Task brief:
Find every line below that contains the word "solar" and copy it out.

Dataset entries:
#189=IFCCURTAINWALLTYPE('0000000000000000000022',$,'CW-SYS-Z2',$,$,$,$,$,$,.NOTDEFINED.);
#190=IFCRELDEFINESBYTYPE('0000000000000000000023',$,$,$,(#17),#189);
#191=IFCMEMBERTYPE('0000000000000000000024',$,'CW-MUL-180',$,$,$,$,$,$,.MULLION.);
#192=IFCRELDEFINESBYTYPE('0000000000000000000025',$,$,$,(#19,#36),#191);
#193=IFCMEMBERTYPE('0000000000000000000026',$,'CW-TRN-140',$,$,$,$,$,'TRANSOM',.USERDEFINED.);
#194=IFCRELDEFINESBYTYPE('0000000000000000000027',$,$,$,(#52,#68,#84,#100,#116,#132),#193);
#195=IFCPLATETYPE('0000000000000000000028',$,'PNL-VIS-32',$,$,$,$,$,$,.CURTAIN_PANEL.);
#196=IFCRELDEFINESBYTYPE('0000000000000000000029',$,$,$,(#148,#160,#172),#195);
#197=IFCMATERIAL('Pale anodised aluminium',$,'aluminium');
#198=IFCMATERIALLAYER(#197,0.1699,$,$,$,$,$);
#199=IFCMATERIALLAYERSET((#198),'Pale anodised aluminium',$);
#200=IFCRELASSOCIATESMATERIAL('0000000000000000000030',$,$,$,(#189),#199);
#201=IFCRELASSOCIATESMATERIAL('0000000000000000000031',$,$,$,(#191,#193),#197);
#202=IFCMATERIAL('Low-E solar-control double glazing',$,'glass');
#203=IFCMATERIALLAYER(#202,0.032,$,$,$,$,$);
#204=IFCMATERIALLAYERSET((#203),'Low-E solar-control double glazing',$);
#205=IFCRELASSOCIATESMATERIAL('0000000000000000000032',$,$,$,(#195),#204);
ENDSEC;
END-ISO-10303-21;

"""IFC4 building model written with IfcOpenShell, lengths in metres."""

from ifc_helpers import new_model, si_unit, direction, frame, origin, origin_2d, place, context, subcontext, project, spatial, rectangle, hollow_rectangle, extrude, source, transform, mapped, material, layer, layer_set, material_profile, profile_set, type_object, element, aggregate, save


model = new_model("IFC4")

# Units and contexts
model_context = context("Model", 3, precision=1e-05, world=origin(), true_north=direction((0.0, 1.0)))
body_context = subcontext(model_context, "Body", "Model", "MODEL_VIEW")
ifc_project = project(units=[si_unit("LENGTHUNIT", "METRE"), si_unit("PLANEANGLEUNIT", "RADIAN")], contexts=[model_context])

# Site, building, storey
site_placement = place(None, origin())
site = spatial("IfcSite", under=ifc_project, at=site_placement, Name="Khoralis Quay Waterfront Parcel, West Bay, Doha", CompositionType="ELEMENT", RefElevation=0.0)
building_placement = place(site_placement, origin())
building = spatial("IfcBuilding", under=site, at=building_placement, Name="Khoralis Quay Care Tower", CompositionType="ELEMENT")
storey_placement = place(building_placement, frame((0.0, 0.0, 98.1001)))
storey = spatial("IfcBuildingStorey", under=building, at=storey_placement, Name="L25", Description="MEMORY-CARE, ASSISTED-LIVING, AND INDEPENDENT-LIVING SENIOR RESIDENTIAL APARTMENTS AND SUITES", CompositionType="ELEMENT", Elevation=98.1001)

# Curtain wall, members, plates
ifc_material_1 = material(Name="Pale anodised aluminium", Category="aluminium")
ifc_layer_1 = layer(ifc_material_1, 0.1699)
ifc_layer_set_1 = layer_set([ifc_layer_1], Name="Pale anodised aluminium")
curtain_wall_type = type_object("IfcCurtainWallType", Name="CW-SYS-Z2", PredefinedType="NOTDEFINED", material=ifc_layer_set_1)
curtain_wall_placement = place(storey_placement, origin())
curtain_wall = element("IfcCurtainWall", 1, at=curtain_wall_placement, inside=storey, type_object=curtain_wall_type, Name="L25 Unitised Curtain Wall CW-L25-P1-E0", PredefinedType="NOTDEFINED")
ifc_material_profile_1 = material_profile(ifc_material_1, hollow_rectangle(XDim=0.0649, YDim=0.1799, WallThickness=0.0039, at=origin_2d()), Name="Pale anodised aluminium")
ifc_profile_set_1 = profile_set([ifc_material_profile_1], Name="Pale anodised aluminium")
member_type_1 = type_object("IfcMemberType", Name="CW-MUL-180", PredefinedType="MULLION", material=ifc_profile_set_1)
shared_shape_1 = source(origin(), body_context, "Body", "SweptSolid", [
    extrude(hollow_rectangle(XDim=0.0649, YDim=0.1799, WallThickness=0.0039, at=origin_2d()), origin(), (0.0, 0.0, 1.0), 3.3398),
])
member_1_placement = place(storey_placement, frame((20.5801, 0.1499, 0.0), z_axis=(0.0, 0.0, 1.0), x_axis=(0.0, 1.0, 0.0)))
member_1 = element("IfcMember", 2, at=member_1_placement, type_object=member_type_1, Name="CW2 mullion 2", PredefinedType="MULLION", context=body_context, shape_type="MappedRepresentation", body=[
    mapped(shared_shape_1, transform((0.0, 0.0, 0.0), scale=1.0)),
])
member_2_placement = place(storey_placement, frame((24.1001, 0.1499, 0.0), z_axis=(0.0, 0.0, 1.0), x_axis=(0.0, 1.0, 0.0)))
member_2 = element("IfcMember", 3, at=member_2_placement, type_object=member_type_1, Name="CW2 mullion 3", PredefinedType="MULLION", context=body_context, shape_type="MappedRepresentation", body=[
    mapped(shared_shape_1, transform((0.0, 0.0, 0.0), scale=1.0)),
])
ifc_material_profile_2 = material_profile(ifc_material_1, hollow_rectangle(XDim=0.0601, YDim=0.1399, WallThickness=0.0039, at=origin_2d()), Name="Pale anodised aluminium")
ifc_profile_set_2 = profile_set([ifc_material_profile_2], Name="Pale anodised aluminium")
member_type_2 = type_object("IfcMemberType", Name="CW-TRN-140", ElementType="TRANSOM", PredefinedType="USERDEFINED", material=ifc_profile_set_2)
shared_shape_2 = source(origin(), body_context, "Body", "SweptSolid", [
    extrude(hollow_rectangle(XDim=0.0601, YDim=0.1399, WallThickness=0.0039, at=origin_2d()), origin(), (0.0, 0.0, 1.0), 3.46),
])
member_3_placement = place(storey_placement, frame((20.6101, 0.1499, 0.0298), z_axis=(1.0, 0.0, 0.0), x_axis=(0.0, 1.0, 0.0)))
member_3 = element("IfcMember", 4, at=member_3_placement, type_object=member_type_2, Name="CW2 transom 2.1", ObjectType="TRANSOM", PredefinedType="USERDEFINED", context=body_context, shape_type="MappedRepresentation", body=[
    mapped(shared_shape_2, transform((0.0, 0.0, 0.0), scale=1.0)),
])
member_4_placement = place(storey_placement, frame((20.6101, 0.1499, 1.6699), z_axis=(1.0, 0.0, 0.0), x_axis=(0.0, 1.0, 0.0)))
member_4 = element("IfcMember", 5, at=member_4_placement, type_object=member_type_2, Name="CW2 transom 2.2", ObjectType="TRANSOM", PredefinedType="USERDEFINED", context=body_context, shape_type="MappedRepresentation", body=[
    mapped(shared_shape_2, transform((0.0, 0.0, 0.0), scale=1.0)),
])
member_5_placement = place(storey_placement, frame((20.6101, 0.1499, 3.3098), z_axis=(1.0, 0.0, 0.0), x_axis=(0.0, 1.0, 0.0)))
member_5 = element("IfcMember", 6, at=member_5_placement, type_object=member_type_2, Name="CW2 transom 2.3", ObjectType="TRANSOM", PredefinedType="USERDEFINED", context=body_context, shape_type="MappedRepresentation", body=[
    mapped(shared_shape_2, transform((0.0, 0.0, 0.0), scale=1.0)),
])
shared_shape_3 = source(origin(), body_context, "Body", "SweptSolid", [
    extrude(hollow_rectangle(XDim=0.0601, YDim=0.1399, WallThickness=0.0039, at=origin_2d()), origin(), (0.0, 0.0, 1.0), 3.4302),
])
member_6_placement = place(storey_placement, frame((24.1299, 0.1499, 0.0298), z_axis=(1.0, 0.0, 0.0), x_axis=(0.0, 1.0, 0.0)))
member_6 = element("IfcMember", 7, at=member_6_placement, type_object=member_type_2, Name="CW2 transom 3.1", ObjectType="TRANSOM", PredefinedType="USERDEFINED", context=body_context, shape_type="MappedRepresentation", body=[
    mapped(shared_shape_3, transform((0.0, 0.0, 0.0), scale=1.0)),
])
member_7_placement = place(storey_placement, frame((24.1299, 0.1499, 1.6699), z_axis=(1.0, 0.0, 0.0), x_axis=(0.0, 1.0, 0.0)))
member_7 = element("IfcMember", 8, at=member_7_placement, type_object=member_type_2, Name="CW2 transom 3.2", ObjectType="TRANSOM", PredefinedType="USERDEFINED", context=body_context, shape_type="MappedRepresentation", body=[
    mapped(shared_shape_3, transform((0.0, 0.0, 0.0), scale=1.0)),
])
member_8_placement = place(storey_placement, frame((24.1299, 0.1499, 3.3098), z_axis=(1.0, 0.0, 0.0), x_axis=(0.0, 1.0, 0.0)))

Task answer:
#202=IFCMATERIAL('Low-E solar-control double glazing',$,'glass');
#204=IFCMATERIALLAYERSET((#203),'Low-E solar-control double glazing',$);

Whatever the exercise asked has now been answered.